[Saved data entries]
########################################
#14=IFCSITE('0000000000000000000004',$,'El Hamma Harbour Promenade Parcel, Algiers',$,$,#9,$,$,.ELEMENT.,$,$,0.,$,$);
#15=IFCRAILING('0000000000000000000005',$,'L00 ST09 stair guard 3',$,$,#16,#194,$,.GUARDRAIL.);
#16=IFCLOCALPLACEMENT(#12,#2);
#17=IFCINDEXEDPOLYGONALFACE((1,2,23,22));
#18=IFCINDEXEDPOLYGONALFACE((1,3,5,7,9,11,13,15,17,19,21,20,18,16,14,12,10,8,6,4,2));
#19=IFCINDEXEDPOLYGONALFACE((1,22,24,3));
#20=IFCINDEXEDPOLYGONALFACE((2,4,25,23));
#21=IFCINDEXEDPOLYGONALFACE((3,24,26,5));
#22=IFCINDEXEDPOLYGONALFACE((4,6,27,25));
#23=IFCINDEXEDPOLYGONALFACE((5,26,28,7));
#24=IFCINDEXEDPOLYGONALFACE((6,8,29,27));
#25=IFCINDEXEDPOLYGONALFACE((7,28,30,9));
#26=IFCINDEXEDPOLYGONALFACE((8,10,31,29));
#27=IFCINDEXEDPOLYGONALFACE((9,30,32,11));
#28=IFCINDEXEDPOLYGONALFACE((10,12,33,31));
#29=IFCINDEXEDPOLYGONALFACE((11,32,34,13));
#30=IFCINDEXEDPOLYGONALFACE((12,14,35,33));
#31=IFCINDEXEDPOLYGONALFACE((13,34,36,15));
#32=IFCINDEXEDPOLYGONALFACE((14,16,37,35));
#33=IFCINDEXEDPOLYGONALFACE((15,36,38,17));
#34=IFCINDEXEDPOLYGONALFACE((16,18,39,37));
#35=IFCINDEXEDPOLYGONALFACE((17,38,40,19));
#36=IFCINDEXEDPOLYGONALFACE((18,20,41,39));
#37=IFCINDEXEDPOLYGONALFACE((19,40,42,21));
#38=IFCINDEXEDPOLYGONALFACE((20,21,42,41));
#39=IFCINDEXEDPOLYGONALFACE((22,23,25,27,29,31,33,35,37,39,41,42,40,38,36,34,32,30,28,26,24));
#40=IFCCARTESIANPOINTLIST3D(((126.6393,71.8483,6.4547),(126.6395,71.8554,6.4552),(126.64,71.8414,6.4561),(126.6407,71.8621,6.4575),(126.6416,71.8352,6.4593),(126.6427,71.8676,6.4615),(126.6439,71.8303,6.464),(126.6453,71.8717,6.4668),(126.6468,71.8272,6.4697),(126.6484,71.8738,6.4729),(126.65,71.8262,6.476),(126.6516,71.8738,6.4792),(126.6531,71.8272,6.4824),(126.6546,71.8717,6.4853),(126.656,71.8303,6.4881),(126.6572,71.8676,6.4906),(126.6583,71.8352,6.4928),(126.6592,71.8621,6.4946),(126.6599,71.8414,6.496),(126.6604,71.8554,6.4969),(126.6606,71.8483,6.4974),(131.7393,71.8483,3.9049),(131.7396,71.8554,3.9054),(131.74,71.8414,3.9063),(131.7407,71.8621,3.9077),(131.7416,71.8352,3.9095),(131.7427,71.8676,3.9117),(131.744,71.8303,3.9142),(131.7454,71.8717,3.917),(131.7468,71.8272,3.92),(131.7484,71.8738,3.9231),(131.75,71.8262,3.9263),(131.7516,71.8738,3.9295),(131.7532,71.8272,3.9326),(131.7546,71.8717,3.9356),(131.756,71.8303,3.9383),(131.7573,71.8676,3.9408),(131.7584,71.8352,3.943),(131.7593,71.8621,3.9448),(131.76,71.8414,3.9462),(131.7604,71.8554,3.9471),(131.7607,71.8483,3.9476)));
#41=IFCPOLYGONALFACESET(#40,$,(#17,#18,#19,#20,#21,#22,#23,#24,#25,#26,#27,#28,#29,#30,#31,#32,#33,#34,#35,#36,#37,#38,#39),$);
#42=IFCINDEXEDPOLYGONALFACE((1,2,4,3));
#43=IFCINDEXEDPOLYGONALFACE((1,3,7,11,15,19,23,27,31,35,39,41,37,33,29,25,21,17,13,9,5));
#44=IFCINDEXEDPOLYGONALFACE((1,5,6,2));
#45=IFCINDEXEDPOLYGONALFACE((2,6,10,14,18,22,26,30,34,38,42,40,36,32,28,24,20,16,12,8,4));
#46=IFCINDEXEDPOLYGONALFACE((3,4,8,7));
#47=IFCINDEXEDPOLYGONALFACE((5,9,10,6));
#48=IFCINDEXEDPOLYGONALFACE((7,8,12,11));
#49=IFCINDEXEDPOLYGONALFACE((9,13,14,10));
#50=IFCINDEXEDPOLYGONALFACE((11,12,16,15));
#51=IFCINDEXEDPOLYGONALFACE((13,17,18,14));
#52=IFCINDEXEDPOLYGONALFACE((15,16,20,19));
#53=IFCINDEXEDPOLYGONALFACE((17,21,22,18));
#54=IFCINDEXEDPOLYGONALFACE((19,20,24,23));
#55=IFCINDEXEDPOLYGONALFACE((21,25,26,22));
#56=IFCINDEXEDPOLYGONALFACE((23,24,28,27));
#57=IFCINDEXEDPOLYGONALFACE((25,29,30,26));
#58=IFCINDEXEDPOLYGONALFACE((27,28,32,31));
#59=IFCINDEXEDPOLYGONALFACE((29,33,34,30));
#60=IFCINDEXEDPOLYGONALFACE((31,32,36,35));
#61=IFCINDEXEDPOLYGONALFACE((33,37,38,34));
########################################
◆ EXERCISE: Looking at the data above, write out exactly the lines that start at the one containing "#20=IFCINDEXEDPOLYGONALFACE((2,4,25,23));" and end at the one containing "#28=IFCINDEXEDPOLYGONALFACE((10,12,33,31));"; include both and nothing beyond.

◆ RESPONSE BELOW:
#20=IFCINDEXEDPOLYGONALFACE((2,4,25,23));
#21=IFCINDEXEDPOLYGONALFACE((3,24,26,5));
#22=IFCINDEXEDPOLYGONALFACE((4,6,27,25));
#23=IFCINDEXEDPOLYGONALFACE((5,26,28,7));
#24=IFCINDEXEDPOLYGONALFACE((6,8,29,27));
#25=IFCINDEXEDPOLYGONALFACE((7,28,30,9));
#26=IFCINDEXEDPOLYGONALFACE((8,10,31,29));
#27=IFCINDEXEDPOLYGONALFACE((9,30,32,11));
#28=IFCINDEXEDPOLYGONALFACE((10,12,33,31));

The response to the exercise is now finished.